Your objective: Lines outside the range are not wanted. Give again exactly the lines between the line holding "200 EI 60',$,$,$,$,$,$,.PARTITIONING.);" and the line holding "#171=IFCMATERIALLAYER(#170,0.3,$,$,$,$,$);", inclusive, from the listing below.

============================================================

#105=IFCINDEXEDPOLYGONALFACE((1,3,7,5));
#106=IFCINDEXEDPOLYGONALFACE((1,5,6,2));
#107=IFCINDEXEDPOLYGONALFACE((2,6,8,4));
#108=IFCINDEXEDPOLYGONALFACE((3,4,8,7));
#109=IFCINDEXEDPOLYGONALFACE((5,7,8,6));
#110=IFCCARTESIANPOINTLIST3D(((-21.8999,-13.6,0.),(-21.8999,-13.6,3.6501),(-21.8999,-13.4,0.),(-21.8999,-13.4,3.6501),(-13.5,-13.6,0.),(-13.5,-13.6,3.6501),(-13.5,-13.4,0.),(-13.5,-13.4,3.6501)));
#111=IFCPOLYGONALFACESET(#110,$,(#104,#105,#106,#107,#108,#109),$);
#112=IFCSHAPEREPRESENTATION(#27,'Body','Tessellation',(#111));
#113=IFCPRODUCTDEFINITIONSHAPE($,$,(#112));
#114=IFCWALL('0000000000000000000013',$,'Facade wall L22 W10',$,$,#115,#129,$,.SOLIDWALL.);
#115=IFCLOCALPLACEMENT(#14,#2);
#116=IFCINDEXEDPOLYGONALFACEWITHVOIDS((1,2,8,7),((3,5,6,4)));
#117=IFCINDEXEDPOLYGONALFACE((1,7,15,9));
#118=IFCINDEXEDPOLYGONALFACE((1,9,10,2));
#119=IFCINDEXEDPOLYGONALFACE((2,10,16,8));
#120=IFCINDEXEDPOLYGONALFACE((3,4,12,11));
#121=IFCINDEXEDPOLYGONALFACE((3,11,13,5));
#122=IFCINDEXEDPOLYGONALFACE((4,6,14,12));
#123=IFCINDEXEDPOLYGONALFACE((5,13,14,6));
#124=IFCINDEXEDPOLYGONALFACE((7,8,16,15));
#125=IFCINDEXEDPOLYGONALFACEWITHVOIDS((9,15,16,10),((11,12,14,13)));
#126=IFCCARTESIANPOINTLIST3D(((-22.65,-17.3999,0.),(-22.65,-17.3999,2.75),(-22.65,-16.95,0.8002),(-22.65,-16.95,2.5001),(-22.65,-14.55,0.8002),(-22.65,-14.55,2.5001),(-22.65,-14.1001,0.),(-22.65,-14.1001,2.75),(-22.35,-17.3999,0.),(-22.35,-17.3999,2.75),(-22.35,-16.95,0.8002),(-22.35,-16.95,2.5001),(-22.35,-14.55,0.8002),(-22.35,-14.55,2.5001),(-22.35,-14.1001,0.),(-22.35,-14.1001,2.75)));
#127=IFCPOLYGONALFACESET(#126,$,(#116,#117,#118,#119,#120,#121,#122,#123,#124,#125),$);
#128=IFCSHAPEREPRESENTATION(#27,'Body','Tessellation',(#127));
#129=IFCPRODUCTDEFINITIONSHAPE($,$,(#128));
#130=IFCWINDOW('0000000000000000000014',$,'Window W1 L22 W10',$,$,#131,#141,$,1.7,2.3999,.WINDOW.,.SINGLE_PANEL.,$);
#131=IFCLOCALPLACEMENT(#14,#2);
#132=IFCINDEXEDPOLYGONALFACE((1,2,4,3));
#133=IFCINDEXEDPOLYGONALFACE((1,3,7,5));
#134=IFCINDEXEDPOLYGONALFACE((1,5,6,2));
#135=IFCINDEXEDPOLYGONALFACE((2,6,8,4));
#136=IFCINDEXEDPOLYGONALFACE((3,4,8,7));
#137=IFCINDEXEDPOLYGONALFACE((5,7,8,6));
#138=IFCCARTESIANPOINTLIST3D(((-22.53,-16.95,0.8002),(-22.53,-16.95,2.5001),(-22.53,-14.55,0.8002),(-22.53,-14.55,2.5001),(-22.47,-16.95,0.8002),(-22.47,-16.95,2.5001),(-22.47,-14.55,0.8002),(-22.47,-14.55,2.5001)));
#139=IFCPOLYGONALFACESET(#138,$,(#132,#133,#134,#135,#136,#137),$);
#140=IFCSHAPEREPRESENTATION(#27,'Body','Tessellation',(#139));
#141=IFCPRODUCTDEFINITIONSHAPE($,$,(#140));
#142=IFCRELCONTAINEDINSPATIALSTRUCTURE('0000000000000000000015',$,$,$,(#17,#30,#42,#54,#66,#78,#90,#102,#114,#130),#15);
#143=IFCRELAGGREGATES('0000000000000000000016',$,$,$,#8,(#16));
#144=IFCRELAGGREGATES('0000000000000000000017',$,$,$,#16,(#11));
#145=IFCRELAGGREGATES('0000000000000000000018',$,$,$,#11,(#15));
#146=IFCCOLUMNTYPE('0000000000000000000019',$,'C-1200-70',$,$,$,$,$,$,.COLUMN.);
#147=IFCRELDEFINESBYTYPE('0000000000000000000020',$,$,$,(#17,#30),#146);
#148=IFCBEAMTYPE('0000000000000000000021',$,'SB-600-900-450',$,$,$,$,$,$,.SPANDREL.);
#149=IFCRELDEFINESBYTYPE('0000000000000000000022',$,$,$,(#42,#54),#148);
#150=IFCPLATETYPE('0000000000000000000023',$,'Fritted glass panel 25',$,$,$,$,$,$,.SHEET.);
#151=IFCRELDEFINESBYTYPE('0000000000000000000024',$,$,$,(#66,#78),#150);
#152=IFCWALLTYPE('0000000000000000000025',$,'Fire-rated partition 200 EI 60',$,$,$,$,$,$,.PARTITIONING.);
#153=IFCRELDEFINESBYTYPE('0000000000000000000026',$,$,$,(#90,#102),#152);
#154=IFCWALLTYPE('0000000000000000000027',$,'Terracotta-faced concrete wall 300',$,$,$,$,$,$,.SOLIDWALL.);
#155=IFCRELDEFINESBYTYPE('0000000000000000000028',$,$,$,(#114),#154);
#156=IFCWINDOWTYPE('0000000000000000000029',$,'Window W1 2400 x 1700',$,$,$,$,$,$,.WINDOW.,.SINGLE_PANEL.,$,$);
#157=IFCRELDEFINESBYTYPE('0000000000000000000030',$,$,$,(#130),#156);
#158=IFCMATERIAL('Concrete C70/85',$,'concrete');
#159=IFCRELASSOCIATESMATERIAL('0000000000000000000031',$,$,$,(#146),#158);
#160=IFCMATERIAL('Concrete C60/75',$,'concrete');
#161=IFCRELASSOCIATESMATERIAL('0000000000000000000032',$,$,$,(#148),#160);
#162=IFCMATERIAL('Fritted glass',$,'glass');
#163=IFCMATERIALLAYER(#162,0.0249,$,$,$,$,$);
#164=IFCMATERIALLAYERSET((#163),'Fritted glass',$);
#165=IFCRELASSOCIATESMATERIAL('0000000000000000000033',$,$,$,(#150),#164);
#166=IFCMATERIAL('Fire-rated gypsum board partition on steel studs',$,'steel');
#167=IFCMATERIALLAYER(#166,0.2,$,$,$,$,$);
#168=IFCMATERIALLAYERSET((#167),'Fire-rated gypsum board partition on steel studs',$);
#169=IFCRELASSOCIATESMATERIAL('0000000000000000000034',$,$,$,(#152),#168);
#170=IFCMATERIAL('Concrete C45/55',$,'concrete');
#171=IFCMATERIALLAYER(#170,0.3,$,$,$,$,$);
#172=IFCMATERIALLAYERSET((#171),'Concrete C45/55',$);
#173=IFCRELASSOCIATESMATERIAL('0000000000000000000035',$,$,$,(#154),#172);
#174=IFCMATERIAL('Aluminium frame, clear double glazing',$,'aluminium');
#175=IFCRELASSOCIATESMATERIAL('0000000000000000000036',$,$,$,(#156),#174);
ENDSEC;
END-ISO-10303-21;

============================================================

Your response:
#152=IFCWALLTYPE('0000000000000000000025',$,'Fire-rated partition 200 EI 60',$,$,$,$,$,$,.PARTITIONING.);
#153=IFCRELDEFINESBYTYPE('0000000000000000000026',$,$,$,(#90,#102),#152);
#154=IFCWALLTYPE('0000000000000000000027',$,'Terracotta-faced concrete wall 300',$,$,$,$,$,$,.SOLIDWALL.);
#155=IFCRELDEFINESBYTYPE('0000000000000000000028',$,$,$,(#114),#154);
#156=IFCWINDOWTYPE('0000000000000000000029',$,'Window W1 2400 x 1700',$,$,$,$,$,$,.WINDOW.,.SINGLE_PANEL.,$,$);
#157=IFCRELDEFINESBYTYPE('0000000000000000000030',$,$,$,(#130),#156);
#158=IFCMATERIAL('Concrete C70/85',$,'concrete');
#159=IFCRELASSOCIATESMATERIAL('0000000000000000000031',$,$,$,(#146),#158);
#160=IFCMATERIAL('Concrete C60/75',$,'concrete');
#161=IFCRELASSOCIATESMATERIAL('0000000000000000000032',$,$,$,(#148),#160);
#162=IFCMATERIAL('Fritted glass',$,'glass');
#163=IFCMATERIALLAYER(#162,0.0249,$,$,$,$,$);
#164=IFCMATERIALLAYERSET((#163),'Fritted glass',$);
#165=IFCRELASSOCIATESMATERIAL('0000000000000000000033',$,$,$,(#150),#164);
#166=IFCMATERIAL('Fire-rated gypsum board partition on steel studs',$,'steel');
#167=IFCMATERIALLAYER(#166,0.2,$,$,$,$,$);
#168=IFCMATERIALLAYERSET((#167),'Fire-rated gypsum board partition on steel studs',$);
#169=IFCRELASSOCIATESMATERIAL('0000000000000000000034',$,$,$,(#152),#168);
#170=IFCMATERIAL('Concrete C45/55',$,'concrete');
#171=IFCMATERIALLAYER(#170,0.3,$,$,$,$,$);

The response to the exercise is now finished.